### Your goal
Please take the lines from the one holding "#36=IFCMATERIAL('Gypsum plasterboard on" through the one holding "END-ISO-10303-21;" in the data below and copy them exactly.

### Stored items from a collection
- - - - -

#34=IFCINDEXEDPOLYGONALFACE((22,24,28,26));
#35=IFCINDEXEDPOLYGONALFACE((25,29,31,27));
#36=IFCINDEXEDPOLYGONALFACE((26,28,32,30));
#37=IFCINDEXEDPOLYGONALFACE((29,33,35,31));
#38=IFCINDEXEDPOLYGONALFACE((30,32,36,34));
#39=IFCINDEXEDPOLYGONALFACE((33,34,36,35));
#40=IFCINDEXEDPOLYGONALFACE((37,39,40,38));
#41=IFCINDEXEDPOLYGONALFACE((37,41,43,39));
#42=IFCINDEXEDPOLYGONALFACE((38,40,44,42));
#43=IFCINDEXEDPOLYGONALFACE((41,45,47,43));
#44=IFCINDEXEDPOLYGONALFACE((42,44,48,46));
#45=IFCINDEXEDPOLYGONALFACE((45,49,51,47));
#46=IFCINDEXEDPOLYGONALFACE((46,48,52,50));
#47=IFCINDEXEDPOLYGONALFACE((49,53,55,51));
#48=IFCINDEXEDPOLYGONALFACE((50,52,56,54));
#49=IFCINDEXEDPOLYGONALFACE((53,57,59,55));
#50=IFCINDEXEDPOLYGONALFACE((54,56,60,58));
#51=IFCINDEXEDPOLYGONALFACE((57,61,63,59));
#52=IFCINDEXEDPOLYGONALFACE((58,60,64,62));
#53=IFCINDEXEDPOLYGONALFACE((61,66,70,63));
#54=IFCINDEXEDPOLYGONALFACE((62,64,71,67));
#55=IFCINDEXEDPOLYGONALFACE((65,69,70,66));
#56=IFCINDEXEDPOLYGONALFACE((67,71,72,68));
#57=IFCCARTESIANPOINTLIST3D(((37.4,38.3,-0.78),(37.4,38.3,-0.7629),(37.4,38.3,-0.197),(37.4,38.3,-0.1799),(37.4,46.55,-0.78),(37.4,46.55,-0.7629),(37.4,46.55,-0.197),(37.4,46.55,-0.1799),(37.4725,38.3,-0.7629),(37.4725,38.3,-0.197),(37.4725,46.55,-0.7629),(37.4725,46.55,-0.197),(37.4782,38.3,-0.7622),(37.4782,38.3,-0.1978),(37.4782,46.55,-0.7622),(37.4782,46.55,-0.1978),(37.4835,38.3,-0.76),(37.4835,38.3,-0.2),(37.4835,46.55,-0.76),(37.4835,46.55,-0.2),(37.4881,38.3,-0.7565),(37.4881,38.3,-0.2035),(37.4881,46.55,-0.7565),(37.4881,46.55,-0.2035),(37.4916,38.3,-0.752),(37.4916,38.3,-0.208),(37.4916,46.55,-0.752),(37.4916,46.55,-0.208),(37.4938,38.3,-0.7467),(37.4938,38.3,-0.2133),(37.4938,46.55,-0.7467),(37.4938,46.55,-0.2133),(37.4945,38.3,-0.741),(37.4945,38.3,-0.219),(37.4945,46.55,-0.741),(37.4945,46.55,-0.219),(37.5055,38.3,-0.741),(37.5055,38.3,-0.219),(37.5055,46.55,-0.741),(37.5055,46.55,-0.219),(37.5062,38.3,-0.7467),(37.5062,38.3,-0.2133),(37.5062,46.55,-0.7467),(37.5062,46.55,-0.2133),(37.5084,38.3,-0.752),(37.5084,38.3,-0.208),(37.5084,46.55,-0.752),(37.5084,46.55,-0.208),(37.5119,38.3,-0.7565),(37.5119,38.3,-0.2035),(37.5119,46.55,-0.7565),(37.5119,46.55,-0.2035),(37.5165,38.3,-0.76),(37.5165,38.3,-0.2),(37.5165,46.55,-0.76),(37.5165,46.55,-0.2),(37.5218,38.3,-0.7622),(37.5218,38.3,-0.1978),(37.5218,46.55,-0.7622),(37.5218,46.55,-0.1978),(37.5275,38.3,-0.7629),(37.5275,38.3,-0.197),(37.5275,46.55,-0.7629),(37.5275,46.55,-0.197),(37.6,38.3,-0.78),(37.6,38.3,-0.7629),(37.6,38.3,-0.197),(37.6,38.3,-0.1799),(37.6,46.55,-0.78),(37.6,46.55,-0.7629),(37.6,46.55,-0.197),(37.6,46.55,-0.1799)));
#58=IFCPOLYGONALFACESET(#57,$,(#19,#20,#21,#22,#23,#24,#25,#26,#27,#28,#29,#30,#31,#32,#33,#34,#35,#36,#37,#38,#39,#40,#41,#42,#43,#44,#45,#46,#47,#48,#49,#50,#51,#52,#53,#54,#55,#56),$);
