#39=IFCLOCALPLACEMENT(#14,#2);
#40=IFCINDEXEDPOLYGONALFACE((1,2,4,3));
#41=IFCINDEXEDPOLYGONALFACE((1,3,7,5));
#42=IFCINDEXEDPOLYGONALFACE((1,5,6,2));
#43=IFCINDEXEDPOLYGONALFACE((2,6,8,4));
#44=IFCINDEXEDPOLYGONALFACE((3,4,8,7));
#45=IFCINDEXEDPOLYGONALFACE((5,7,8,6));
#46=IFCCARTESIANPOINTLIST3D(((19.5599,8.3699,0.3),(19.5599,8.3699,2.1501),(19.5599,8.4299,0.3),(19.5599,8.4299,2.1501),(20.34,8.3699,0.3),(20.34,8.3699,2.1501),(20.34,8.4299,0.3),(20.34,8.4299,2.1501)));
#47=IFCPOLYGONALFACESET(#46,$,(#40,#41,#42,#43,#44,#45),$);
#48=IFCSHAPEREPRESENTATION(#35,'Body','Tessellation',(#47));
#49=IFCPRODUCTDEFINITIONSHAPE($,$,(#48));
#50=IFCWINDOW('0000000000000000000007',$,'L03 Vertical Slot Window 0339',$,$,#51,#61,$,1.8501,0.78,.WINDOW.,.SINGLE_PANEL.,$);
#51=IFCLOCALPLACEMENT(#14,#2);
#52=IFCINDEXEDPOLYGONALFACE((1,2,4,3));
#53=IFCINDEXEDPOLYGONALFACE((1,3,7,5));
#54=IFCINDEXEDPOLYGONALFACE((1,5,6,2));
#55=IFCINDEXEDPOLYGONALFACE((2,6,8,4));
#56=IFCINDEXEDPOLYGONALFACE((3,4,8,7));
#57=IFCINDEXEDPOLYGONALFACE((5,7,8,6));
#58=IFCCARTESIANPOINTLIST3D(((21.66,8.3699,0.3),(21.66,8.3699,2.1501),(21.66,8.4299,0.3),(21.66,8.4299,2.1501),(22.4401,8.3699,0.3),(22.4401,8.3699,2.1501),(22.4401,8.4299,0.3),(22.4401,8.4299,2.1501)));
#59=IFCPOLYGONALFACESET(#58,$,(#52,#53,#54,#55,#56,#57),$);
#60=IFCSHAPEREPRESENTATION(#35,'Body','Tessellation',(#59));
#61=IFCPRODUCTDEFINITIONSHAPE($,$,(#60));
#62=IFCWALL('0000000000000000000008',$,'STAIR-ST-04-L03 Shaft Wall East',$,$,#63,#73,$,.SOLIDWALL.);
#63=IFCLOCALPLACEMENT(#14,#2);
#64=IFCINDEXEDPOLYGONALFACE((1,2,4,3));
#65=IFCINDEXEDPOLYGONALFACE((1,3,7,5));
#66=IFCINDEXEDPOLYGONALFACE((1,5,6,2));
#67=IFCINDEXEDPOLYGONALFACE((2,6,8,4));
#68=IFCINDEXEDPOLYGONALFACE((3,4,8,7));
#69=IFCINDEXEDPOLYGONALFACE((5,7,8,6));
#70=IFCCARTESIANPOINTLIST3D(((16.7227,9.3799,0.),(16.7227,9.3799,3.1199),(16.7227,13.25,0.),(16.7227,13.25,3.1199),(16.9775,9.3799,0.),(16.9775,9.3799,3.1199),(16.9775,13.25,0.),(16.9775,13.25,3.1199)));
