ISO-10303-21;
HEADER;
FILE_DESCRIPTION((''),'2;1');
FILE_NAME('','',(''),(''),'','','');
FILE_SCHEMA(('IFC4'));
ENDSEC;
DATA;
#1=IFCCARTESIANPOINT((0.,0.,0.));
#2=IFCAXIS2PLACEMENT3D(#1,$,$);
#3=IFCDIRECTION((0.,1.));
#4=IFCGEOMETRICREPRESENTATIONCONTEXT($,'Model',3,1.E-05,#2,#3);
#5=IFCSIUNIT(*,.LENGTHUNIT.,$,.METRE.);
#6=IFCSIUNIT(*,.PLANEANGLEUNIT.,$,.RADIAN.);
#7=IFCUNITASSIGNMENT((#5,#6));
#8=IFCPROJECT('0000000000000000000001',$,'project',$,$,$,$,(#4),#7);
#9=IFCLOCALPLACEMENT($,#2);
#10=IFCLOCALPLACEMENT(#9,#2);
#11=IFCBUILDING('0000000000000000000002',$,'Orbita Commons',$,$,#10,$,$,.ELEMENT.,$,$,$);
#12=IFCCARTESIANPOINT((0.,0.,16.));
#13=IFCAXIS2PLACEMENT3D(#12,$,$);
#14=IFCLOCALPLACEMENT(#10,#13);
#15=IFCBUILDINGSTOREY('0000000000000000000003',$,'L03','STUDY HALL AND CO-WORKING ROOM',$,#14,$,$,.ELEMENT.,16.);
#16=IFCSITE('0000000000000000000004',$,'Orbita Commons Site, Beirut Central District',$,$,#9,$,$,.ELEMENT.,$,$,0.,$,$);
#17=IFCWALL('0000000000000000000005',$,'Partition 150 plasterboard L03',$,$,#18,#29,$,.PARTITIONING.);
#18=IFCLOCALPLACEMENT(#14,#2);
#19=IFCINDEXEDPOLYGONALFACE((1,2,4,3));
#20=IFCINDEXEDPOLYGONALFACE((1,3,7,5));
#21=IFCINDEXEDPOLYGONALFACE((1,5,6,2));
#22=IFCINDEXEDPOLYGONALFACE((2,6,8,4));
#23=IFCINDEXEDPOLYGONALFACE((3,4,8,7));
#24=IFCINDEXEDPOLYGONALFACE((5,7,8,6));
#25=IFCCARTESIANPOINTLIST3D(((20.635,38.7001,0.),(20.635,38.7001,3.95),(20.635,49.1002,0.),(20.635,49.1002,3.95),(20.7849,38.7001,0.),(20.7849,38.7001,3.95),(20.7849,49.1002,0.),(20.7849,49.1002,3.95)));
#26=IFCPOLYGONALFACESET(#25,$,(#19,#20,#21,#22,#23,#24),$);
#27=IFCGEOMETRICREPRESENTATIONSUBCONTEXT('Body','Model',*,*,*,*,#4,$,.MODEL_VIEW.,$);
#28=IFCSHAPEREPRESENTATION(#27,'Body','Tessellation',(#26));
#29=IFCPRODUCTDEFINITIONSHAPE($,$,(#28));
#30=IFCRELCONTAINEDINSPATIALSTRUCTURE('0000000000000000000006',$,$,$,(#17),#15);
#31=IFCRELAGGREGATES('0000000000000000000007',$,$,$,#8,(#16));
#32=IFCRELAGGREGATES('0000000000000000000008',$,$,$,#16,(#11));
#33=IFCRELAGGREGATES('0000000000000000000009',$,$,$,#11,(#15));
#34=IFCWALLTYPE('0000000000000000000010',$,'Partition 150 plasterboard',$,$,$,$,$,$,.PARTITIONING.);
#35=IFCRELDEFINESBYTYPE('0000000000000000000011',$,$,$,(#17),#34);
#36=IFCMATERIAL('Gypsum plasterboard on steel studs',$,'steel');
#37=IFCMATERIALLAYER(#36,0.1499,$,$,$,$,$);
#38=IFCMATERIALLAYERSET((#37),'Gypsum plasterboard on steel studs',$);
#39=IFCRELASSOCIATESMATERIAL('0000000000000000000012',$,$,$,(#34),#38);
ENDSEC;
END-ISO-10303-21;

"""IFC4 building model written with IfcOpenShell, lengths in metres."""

from ifc_helpers import new_model, si_unit, direction, frame, frame_2d, origin, place, context, subcontext, project, spatial, rectangle, extrude, material, layer, layer_set, type_object, element, save


model = new_model("IFC4")

# Units and contexts
model_context = context("Model", 3, precision=1e-05, world=origin(), true_north=direction((0.0, 1.0)))
body_context = subcontext(model_context, "Body", "Model", "MODEL_VIEW")
ifc_project = project(units=[si_unit("LENGTHUNIT", "METRE"), si_unit("PLANEANGLEUNIT", "RADIAN")], contexts=[model_context])

# Site, building, storey
site_placement = place(None, origin())
site = spatial("IfcSite", under=ifc_project, at=site_placement, Name="Orbita Commons Site, Beirut Central District", CompositionType="ELEMENT", RefElevation=0.0)
building_placement = place(site_placement, origin())
building = spatial("IfcBuilding", under=site, at=building_placement, Name="Orbita Commons", CompositionType="ELEMENT")
storey_placement = place(building_placement, frame((0.0, 0.0, 16.0)))
storey = spatial("IfcBuildingStorey", under=building, at=storey_placement, Name="L03", Description="STUDY HALL AND CO-WORKING ROOM", CompositionType="ELEMENT", Elevation=16.0)

# Wall
ifc_material_1 = material(Name="Gypsum plasterboard on steel studs", Category="steel")
ifc_layer_1 = layer(ifc_material_1, 0.1499)
ifc_layer_set_1 = layer_set([ifc_layer_1], Name="Gypsum plasterboard on steel studs")
wall_type_1 = type_object("IfcWallType", Name="Partition 150 plasterboard", PredefinedType="PARTITIONING", material=ifc_layer_set_1)
wall_1_placement = place(storey_placement, frame((20.71, 38.7, 0.0), z_axis=(0.0, 0.0, 1.0), x_axis=(0.0, 1.0, 0.0)))
element("IfcWall", 1, at=wall_1_placement, inside=storey, type_object=wall_type_1, Name="Partition 150 plasterboard L03", PredefinedType="PARTITIONING", context=body_context, shape_type="SweptSolid", body=[
    extrude(rectangle(XDim=10.4001, YDim=0.1499, at=frame_2d((5.2002, 0.0))), origin(), (0.0, 0.0, 1.0), 3.95),
])

save(model, "model.ifc")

- - - - -

### Output for this exercise
#36=IFCMATERIAL('Gypsum plasterboard on steel studs',$,'steel');
#37=IFCMATERIALLAYER(#36,0.1499,$,$,$,$,$);
#38=IFCMATERIALLAYERSET((#37),'Gypsum plasterboard on steel studs',$);
#39=IFCRELASSOCIATESMATERIAL('0000000000000000000012',$,$,$,(#34),#38);
ENDSEC;
END-ISO-10303-21;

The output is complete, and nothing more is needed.